WORK INSTRUCTION: After locating the line that holds "#101=IFCINDEXEDPOLYGONALFACE((21,23,24,22));", transcribe it and each following line to the end of the records, changing nothing and adding nothing.

Dataset entries
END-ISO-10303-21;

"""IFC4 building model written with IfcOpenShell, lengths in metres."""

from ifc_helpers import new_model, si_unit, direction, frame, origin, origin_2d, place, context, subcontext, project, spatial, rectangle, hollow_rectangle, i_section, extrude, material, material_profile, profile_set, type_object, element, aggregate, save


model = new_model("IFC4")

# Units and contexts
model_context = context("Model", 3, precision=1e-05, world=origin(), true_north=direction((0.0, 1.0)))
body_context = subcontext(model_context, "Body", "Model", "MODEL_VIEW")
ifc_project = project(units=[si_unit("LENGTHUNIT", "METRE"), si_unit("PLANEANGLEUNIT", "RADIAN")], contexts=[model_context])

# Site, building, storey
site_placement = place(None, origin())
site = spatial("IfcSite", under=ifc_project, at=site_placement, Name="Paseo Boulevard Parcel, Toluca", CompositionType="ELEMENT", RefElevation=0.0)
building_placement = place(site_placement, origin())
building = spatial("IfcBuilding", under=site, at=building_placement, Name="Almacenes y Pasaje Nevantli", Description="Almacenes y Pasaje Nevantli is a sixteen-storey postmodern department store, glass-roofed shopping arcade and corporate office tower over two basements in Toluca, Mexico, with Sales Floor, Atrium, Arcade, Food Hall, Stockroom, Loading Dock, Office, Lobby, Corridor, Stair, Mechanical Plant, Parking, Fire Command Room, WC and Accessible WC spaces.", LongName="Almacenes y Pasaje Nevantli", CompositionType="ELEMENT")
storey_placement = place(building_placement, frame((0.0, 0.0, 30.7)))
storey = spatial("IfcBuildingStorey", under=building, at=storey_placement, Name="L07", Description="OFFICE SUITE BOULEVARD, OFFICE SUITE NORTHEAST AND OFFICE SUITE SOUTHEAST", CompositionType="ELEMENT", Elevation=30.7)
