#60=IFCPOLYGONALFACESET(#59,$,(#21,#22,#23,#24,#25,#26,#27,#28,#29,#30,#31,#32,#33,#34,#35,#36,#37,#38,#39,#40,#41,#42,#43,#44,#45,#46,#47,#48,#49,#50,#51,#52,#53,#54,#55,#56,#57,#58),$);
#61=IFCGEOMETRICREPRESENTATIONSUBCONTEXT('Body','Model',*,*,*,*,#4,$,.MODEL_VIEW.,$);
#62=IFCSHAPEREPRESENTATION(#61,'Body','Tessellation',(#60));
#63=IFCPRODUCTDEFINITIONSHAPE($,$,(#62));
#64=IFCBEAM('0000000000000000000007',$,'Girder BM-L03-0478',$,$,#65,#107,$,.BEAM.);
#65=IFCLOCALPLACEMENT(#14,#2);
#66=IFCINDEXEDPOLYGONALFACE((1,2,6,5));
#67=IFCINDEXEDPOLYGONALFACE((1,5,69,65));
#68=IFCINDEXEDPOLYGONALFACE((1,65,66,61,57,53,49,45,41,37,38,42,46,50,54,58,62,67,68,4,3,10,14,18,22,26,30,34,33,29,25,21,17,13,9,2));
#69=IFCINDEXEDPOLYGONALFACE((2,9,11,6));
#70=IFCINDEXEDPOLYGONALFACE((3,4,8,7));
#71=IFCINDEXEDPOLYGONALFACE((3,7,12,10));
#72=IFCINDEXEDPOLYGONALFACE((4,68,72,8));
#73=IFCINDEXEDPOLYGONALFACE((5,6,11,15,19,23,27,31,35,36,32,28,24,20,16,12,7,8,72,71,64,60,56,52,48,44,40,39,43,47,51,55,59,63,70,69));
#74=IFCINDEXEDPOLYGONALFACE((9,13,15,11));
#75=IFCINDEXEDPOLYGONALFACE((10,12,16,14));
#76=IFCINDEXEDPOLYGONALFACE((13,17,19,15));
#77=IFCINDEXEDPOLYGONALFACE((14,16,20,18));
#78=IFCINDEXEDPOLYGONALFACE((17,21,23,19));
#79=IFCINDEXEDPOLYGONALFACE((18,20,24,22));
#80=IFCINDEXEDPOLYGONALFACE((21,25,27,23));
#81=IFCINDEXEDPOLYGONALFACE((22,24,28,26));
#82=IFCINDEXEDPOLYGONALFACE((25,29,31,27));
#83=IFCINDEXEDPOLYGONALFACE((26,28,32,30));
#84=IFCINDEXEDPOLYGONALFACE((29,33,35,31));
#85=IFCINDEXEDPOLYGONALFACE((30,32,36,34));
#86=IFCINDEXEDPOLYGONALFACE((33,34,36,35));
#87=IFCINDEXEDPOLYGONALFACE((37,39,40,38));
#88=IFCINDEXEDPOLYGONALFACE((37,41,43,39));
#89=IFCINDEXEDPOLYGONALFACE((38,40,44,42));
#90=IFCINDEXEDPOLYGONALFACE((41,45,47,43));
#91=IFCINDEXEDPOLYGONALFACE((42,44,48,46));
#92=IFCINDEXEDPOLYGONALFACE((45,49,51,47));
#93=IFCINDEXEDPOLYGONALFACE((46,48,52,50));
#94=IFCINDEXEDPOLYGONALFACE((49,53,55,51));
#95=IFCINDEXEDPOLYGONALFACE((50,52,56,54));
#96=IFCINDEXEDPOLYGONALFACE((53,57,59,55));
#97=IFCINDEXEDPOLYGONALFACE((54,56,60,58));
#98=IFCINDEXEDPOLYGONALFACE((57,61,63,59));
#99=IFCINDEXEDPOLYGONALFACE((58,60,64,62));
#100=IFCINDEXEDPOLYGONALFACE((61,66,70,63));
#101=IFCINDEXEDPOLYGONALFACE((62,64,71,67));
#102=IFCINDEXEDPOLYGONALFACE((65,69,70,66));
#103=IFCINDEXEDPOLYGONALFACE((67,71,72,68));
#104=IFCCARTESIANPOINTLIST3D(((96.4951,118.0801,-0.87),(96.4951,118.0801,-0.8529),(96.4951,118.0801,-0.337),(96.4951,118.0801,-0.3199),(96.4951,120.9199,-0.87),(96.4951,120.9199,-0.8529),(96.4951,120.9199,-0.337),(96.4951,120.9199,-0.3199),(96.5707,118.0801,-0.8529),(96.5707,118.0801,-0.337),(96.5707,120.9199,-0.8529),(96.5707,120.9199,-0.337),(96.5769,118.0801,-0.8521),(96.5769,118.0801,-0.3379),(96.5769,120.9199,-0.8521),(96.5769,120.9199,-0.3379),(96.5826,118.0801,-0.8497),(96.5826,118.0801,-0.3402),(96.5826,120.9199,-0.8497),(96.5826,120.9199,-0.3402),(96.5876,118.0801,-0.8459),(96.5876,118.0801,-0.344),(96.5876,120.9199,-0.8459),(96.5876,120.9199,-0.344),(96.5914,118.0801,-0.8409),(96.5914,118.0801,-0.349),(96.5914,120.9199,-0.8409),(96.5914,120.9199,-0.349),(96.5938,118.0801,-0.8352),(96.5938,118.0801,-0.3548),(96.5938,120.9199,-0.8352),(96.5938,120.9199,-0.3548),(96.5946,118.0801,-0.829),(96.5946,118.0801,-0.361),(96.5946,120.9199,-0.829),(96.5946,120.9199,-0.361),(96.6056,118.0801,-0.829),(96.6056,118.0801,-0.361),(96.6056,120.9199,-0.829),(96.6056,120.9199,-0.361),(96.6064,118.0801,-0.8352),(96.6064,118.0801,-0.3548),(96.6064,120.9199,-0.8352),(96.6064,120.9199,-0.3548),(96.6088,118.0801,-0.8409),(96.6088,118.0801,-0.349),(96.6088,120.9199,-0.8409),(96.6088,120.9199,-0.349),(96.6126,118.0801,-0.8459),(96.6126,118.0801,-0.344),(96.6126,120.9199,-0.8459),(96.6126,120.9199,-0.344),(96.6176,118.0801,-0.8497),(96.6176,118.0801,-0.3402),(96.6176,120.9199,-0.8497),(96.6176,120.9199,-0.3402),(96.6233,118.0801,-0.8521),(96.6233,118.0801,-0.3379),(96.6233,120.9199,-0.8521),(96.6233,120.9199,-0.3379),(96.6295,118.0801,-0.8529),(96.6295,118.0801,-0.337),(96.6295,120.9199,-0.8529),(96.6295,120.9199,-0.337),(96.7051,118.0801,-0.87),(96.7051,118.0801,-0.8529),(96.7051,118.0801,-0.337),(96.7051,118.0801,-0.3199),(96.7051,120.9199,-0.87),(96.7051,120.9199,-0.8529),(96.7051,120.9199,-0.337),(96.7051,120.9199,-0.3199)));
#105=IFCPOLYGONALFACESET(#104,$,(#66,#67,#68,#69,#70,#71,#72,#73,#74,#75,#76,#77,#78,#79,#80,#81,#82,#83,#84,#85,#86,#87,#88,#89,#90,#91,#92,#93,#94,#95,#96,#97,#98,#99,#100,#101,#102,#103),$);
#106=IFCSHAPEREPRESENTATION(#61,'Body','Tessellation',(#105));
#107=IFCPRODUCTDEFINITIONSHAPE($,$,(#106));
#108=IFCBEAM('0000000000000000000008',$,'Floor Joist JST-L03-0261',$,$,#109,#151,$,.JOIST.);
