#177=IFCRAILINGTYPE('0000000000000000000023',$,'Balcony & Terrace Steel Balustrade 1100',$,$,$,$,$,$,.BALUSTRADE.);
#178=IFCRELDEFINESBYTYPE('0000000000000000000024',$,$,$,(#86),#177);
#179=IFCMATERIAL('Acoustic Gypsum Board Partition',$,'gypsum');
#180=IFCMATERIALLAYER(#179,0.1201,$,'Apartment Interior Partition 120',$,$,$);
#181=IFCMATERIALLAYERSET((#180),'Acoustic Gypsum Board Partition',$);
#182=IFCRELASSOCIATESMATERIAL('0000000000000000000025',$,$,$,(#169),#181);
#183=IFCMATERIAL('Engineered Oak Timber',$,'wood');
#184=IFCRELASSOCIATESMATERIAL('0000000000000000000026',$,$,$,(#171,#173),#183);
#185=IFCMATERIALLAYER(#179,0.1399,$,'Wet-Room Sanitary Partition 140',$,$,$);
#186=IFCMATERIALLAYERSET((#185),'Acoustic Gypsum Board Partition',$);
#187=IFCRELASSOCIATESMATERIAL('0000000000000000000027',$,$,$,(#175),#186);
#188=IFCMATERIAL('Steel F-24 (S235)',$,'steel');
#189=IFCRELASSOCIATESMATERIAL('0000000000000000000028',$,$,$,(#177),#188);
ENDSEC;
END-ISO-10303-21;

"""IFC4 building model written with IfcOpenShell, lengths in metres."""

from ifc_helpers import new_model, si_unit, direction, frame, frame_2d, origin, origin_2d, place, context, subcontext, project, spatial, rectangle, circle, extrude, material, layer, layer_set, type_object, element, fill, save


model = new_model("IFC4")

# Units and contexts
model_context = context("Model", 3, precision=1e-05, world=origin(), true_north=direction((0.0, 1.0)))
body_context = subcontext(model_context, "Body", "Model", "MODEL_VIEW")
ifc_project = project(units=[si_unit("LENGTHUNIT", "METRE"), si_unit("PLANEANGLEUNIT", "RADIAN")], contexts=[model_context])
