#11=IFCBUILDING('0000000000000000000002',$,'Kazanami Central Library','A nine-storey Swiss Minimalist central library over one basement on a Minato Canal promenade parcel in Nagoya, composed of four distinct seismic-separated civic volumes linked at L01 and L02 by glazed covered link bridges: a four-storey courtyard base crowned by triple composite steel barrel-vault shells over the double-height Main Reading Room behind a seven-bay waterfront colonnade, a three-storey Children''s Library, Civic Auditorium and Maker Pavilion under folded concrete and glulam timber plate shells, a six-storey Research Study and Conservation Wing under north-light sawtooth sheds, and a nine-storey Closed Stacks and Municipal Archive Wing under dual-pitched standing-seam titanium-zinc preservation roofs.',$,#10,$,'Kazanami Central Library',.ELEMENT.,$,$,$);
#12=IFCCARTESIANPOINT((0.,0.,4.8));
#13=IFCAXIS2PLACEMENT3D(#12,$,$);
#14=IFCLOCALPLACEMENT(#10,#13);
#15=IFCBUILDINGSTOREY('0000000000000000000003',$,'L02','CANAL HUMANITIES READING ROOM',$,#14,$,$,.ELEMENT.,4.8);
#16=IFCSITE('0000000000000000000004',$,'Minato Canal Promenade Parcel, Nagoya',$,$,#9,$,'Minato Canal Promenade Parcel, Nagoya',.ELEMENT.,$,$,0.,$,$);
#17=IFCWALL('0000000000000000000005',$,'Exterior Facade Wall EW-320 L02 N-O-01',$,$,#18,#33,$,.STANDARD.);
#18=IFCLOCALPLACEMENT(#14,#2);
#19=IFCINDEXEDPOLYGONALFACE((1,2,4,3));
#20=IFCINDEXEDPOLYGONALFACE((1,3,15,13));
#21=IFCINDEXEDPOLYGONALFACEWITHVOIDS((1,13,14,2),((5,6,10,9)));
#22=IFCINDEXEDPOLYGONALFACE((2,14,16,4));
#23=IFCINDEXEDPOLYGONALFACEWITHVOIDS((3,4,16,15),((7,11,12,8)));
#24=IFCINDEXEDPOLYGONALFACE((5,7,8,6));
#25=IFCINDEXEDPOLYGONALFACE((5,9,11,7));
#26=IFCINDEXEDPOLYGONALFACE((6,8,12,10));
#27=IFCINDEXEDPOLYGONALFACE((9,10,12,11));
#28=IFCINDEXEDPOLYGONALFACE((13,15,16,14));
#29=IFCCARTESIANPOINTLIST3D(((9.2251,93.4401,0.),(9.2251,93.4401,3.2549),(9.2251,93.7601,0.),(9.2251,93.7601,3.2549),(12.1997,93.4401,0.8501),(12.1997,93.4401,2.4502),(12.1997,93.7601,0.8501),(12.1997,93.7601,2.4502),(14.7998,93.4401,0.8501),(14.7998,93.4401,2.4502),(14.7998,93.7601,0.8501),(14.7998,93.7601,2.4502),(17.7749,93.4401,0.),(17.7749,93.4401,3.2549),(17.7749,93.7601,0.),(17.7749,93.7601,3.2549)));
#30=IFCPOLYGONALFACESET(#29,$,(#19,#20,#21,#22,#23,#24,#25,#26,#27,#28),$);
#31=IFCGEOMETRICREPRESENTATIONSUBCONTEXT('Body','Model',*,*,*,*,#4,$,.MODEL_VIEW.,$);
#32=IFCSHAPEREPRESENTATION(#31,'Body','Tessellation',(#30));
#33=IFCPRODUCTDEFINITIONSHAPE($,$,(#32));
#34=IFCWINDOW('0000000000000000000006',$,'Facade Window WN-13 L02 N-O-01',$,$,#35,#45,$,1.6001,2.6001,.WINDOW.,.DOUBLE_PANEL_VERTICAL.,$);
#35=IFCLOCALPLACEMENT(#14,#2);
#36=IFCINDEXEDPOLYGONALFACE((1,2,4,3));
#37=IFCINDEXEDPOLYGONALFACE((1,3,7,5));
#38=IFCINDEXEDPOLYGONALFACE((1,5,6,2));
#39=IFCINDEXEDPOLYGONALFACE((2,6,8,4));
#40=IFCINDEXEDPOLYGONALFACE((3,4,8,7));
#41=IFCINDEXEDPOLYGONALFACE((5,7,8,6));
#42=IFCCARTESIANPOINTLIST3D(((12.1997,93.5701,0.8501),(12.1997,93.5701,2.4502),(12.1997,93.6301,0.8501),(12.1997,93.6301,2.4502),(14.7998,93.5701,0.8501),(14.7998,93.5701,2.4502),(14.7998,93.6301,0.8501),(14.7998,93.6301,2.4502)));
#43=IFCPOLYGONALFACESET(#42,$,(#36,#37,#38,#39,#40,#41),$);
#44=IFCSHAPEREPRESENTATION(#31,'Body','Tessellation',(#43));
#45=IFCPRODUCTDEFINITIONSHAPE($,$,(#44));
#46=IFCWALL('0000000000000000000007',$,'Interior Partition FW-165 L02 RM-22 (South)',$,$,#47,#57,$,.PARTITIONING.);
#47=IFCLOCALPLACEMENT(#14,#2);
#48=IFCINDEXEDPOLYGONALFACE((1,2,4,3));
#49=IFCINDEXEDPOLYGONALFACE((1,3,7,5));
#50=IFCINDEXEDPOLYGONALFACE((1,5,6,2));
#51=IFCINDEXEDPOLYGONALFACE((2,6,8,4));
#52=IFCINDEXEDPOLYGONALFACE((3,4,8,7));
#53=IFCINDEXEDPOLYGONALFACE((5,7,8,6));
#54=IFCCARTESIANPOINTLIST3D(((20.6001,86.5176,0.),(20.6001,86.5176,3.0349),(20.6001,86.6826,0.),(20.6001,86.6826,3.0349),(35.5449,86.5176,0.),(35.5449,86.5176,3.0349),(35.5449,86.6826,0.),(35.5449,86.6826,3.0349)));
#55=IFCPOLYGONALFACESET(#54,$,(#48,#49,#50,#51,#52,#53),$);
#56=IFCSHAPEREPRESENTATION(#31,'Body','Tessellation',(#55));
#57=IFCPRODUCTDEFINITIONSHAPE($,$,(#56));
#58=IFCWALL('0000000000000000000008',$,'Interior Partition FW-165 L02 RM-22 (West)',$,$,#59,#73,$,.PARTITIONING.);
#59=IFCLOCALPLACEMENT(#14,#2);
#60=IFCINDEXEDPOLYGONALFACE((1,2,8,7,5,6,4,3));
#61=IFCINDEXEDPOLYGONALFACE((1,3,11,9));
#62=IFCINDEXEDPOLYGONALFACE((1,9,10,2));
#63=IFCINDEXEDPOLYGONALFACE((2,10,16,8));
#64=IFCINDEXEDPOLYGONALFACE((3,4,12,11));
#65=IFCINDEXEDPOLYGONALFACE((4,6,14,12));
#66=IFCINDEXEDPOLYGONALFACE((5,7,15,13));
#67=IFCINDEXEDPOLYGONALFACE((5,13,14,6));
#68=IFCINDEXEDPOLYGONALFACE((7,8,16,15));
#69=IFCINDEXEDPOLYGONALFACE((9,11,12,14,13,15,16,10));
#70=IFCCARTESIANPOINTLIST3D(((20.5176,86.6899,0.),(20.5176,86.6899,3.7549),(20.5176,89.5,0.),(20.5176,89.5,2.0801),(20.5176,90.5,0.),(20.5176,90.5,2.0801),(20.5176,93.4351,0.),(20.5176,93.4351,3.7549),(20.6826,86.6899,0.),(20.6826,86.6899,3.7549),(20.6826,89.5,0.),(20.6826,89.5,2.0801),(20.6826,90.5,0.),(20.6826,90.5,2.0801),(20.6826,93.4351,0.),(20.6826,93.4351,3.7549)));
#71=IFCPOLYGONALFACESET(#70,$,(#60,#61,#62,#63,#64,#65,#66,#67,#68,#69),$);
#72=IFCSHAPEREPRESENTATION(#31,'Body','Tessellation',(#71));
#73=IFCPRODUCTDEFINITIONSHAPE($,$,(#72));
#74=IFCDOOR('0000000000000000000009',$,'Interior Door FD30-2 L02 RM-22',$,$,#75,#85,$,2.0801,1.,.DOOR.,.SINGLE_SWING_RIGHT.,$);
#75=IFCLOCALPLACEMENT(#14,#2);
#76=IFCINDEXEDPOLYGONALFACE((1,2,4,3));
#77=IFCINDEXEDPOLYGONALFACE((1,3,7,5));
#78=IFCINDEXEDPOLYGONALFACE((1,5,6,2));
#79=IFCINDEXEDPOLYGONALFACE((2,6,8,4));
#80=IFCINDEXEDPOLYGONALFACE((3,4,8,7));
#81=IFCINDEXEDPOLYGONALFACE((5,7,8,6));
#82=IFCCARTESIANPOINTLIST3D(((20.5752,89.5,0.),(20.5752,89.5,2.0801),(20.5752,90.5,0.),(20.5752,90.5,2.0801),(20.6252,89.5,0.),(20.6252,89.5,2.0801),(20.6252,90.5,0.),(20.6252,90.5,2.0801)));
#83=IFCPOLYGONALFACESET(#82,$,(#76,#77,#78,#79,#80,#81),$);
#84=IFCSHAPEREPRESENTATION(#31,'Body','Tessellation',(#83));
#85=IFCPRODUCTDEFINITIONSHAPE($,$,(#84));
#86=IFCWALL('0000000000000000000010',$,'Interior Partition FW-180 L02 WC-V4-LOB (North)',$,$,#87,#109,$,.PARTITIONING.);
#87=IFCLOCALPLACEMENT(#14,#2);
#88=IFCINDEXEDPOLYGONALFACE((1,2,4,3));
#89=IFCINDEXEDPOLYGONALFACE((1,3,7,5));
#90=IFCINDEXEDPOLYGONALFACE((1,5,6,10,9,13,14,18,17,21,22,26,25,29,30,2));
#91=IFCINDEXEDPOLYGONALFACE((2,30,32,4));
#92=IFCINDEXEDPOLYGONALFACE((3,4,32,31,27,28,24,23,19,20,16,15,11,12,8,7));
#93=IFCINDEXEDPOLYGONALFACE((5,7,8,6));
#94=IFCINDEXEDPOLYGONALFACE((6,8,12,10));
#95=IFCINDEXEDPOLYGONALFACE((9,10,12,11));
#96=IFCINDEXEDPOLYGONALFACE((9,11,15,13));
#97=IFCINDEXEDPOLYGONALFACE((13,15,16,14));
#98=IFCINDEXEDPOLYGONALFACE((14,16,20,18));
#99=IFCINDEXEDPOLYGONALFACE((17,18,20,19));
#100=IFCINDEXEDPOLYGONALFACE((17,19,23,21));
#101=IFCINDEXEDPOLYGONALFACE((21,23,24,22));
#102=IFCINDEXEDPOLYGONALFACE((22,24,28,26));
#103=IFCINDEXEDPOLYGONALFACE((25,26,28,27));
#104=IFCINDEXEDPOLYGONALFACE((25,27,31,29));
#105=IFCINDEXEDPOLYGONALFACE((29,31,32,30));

EXERCISE RESULT:
#101=IFCINDEXEDPOLYGONALFACE((21,23,24,22));
#102=IFCINDEXEDPOLYGONALFACE((22,24,28,26));
#103=IFCINDEXEDPOLYGONALFACE((25,26,28,27));
#104=IFCINDEXEDPOLYGONALFACE((25,27,31,29));
#105=IFCINDEXEDPOLYGONALFACE((29,31,32,30));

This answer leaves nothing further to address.